Exercise objective. Could you repeat every record below exactly as written?

[Saved data entries]

<<<<

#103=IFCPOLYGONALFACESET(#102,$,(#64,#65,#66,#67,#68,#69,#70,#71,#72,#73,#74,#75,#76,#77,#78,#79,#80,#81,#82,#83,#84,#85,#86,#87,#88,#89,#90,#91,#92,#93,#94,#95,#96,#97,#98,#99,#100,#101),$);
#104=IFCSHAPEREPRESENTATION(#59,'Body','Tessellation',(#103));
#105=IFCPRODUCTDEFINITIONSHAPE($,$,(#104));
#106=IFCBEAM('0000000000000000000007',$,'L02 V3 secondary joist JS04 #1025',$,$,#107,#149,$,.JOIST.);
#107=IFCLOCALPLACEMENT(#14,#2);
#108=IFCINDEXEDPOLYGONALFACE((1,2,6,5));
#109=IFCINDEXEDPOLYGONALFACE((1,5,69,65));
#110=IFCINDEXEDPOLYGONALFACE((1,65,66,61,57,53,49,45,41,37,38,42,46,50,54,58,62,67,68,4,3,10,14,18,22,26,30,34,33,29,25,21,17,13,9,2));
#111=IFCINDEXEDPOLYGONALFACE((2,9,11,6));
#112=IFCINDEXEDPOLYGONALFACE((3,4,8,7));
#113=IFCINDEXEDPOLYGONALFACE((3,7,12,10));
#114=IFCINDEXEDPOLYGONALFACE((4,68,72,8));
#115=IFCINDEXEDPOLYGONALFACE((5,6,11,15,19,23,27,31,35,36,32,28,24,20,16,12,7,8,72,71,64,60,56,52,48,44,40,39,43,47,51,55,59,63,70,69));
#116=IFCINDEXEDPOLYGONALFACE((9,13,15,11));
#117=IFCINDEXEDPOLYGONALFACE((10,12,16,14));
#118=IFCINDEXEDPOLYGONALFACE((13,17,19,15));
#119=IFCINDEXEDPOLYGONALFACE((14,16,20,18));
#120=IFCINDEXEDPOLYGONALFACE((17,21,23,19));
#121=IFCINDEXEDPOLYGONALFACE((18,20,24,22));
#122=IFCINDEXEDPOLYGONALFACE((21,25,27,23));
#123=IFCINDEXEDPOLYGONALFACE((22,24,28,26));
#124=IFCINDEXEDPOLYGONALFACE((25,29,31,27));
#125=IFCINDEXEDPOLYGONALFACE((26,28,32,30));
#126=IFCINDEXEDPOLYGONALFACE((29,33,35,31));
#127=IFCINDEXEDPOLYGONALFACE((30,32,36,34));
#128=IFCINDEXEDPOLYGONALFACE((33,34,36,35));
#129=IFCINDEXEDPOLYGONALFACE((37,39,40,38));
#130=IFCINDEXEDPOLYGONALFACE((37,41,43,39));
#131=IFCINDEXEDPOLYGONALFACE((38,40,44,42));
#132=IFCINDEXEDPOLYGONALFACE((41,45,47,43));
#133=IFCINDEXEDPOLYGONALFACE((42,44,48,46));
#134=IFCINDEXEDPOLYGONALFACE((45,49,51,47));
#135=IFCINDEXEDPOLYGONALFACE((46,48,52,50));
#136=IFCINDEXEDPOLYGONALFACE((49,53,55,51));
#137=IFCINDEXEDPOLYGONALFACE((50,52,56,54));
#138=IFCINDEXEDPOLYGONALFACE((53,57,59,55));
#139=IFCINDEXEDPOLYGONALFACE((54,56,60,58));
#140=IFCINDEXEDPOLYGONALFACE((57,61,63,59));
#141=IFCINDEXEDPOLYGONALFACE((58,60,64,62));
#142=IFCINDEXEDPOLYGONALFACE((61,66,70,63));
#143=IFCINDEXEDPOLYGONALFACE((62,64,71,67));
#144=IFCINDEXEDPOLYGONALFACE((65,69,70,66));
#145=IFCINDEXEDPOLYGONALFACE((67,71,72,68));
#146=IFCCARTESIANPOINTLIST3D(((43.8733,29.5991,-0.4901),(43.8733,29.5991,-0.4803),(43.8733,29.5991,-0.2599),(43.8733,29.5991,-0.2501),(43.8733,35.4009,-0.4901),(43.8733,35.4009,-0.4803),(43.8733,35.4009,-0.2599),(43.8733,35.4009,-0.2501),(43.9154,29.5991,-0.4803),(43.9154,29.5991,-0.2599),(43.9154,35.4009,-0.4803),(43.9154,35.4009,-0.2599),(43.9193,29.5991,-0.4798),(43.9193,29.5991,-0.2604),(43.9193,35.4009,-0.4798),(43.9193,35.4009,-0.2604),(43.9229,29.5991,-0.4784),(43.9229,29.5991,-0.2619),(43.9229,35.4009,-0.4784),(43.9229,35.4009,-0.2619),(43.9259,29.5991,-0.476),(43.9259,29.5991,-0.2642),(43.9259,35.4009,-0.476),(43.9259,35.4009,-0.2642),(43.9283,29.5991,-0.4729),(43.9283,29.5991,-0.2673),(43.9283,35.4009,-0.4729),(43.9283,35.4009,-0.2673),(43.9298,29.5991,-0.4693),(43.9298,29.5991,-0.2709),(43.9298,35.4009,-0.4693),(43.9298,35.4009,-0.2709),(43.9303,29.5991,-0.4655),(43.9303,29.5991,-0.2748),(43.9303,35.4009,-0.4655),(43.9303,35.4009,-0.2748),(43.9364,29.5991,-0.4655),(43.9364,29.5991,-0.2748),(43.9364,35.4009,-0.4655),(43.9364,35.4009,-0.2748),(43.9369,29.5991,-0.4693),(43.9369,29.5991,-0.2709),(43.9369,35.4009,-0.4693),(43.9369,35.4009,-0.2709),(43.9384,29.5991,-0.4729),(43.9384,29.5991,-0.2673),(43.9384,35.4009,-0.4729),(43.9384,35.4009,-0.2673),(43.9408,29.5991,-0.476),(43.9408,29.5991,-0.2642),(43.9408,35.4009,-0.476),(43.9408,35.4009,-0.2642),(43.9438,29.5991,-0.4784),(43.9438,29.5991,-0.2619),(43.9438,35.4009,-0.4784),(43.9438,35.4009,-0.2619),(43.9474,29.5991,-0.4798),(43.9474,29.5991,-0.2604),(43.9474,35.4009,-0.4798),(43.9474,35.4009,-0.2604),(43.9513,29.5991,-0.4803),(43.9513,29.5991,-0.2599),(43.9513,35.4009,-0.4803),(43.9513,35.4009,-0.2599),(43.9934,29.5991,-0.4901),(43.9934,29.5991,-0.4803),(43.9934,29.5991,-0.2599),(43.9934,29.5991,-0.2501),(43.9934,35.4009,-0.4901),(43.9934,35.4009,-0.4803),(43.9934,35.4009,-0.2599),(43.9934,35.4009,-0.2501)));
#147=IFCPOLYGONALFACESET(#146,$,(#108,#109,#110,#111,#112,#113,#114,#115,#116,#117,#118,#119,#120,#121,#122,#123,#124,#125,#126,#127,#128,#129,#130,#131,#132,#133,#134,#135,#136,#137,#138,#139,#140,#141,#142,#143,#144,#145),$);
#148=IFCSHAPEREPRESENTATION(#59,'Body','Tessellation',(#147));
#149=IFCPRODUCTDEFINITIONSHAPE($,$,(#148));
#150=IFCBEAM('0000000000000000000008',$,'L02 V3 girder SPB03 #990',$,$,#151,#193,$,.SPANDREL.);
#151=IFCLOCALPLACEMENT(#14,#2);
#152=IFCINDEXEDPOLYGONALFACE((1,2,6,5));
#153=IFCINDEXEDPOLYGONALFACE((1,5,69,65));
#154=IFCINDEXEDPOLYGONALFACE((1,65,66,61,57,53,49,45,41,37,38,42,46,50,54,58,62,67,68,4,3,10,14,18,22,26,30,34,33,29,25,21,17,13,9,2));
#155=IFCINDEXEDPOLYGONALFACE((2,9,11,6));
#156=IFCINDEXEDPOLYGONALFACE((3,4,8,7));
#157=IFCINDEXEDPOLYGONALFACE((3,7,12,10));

>>>>

Worked solution.
#103=IFCPOLYGONALFACESET(#102,$,(#64,#65,#66,#67,#68,#69,#70,#71,#72,#73,#74,#75,#76,#77,#78,#79,#80,#81,#82,#83,#84,#85,#86,#87,#88,#89,#90,#91,#92,#93,#94,#95,#96,#97,#98,#99,#100,#101),$);
#104=IFCSHAPEREPRESENTATION(#59,'Body','Tessellation',(#103));
#105=IFCPRODUCTDEFINITIONSHAPE($,$,(#104));
#106=IFCBEAM('0000000000000000000007',$,'L02 V3 secondary joist JS04 #1025',$,$,#107,#149,$,.JOIST.);
#107=IFCLOCALPLACEMENT(#14,#2);
#108=IFCINDEXEDPOLYGONALFACE((1,2,6,5));
#109=IFCINDEXEDPOLYGONALFACE((1,5,69,65));
#110=IFCINDEXEDPOLYGONALFACE((1,65,66,61,57,53,49,45,41,37,38,42,46,50,54,58,62,67,68,4,3,10,14,18,22,26,30,34,33,29,25,21,17,13,9,2));
#111=IFCINDEXEDPOLYGONALFACE((2,9,11,6));
#112=IFCINDEXEDPOLYGONALFACE((3,4,8,7));
#113=IFCINDEXEDPOLYGONALFACE((3,7,12,10));
#114=IFCINDEXEDPOLYGONALFACE((4,68,72,8));
#115=IFCINDEXEDPOLYGONALFACE((5,6,11,15,19,23,27,31,35,36,32,28,24,20,16,12,7,8,72,71,64,60,56,52,48,44,40,39,43,47,51,55,59,63,70,69));
#116=IFCINDEXEDPOLYGONALFACE((9,13,15,11));
#117=IFCINDEXEDPOLYGONALFACE((10,12,16,14));
#118=IFCINDEXEDPOLYGONALFACE((13,17,19,15));
#119=IFCINDEXEDPOLYGONALFACE((14,16,20,18));
#120=IFCINDEXEDPOLYGONALFACE((17,21,23,19));
#121=IFCINDEXEDPOLYGONALFACE((18,20,24,22));
#122=IFCINDEXEDPOLYGONALFACE((21,25,27,23));
#123=IFCINDEXEDPOLYGONALFACE((22,24,28,26));
#124=IFCINDEXEDPOLYGONALFACE((25,29,31,27));
#125=IFCINDEXEDPOLYGONALFACE((26,28,32,30));
#126=IFCINDEXEDPOLYGONALFACE((29,33,35,31));
#127=IFCINDEXEDPOLYGONALFACE((30,32,36,34));
#128=IFCINDEXEDPOLYGONALFACE((33,34,36,35));
#129=IFCINDEXEDPOLYGONALFACE((37,39,40,38));
#130=IFCINDEXEDPOLYGONALFACE((37,41,43,39));
#131=IFCINDEXEDPOLYGONALFACE((38,40,44,42));
#132=IFCINDEXEDPOLYGONALFACE((41,45,47,43));
#133=IFCINDEXEDPOLYGONALFACE((42,44,48,46));
#134=IFCINDEXEDPOLYGONALFACE((45,49,51,47));
#135=IFCINDEXEDPOLYGONALFACE((46,48,52,50));
#136=IFCINDEXEDPOLYGONALFACE((49,53,55,51));
#137=IFCINDEXEDPOLYGONALFACE((50,52,56,54));
#138=IFCINDEXEDPOLYGONALFACE((53,57,59,55));
#139=IFCINDEXEDPOLYGONALFACE((54,56,60,58));
#140=IFCINDEXEDPOLYGONALFACE((57,61,63,59));
#141=IFCINDEXEDPOLYGONALFACE((58,60,64,62));
#142=IFCINDEXEDPOLYGONALFACE((61,66,70,63));
#143=IFCINDEXEDPOLYGONALFACE((62,64,71,67));
#144=IFCINDEXEDPOLYGONALFACE((65,69,70,66));
#145=IFCINDEXEDPOLYGONALFACE((67,71,72,68));
#146=IFCCARTESIANPOINTLIST3D(((43.8733,29.5991,-0.4901),(43.8733,29.5991,-0.4803),(43.8733,29.5991,-0.2599),(43.8733,29.5991,-0.2501),(43.8733,35.4009,-0.4901),(43.8733,35.4009,-0.4803),(43.8733,35.4009,-0.2599),(43.8733,35.4009,-0.2501),(43.9154,29.5991,-0.4803),(43.9154,29.5991,-0.2599),(43.9154,35.4009,-0.4803),(43.9154,35.4009,-0.2599),(43.9193,29.5991,-0.4798),(43.9193,29.5991,-0.2604),(43.9193,35.4009,-0.4798),(43.9193,35.4009,-0.2604),(43.9229,29.5991,-0.4784),(43.9229,29.5991,-0.2619),(43.9229,35.4009,-0.4784),(43.9229,35.4009,-0.2619),(43.9259,29.5991,-0.476),(43.9259,29.5991,-0.2642),(43.9259,35.4009,-0.476),(43.9259,35.4009,-0.2642),(43.9283,29.5991,-0.4729),(43.9283,29.5991,-0.2673),(43.9283,35.4009,-0.4729),(43.9283,35.4009,-0.2673),(43.9298,29.5991,-0.4693),(43.9298,29.5991,-0.2709),(43.9298,35.4009,-0.4693),(43.9298,35.4009,-0.2709),(43.9303,29.5991,-0.4655),(43.9303,29.5991,-0.2748),(43.9303,35.4009,-0.4655),(43.9303,35.4009,-0.2748),(43.9364,29.5991,-0.4655),(43.9364,29.5991,-0.2748),(43.9364,35.4009,-0.4655),(43.9364,35.4009,-0.2748),(43.9369,29.5991,-0.4693),(43.9369,29.5991,-0.2709),(43.9369,35.4009,-0.4693),(43.9369,35.4009,-0.2709),(43.9384,29.5991,-0.4729),(43.9384,29.5991,-0.2673),(43.9384,35.4009,-0.4729),(43.9384,35.4009,-0.2673),(43.9408,29.5991,-0.476),(43.9408,29.5991,-0.2642),(43.9408,35.4009,-0.476),(43.9408,35.4009,-0.2642),(43.9438,29.5991,-0.4784),(43.9438,29.5991,-0.2619),(43.9438,35.4009,-0.4784),(43.9438,35.4009,-0.2619),(43.9474,29.5991,-0.4798),(43.9474,29.5991,-0.2604),(43.9474,35.4009,-0.4798),(43.9474,35.4009,-0.2604),(43.9513,29.5991,-0.4803),(43.9513,29.5991,-0.2599),(43.9513,35.4009,-0.4803),(43.9513,35.4009,-0.2599),(43.9934,29.5991,-0.4901),(43.9934,29.5991,-0.4803),(43.9934,29.5991,-0.2599),(43.9934,29.5991,-0.2501),(43.9934,35.4009,-0.4901),(43.9934,35.4009,-0.4803),(43.9934,35.4009,-0.2599),(43.9934,35.4009,-0.2501)));
#147=IFCPOLYGONALFACESET(#146,$,(#108,#109,#110,#111,#112,#113,#114,#115,#116,#117,#118,#119,#120,#121,#122,#123,#124,#125,#126,#127,#128,#129,#130,#131,#132,#133,#134,#135,#136,#137,#138,#139,#140,#141,#142,#143,#144,#145),$);
#148=IFCSHAPEREPRESENTATION(#59,'Body','Tessellation',(#147));
#149=IFCPRODUCTDEFINITIONSHAPE($,$,(#148));
#150=IFCBEAM('0000000000000000000008',$,'L02 V3 girder SPB03 #990',$,$,#151,#193,$,.SPANDREL.);
#151=IFCLOCALPLACEMENT(#14,#2);
#152=IFCINDEXEDPOLYGONALFACE((1,2,6,5));
#153=IFCINDEXEDPOLYGONALFACE((1,5,69,65));
#154=IFCINDEXEDPOLYGONALFACE((1,65,66,61,57,53,49,45,41,37,38,42,46,50,54,58,62,67,68,4,3,10,14,18,22,26,30,34,33,29,25,21,17,13,9,2));
#155=IFCINDEXEDPOLYGONALFACE((2,9,11,6));
#156=IFCINDEXEDPOLYGONALFACE((3,4,8,7));
#157=IFCINDEXEDPOLYGONALFACE((3,7,12,10));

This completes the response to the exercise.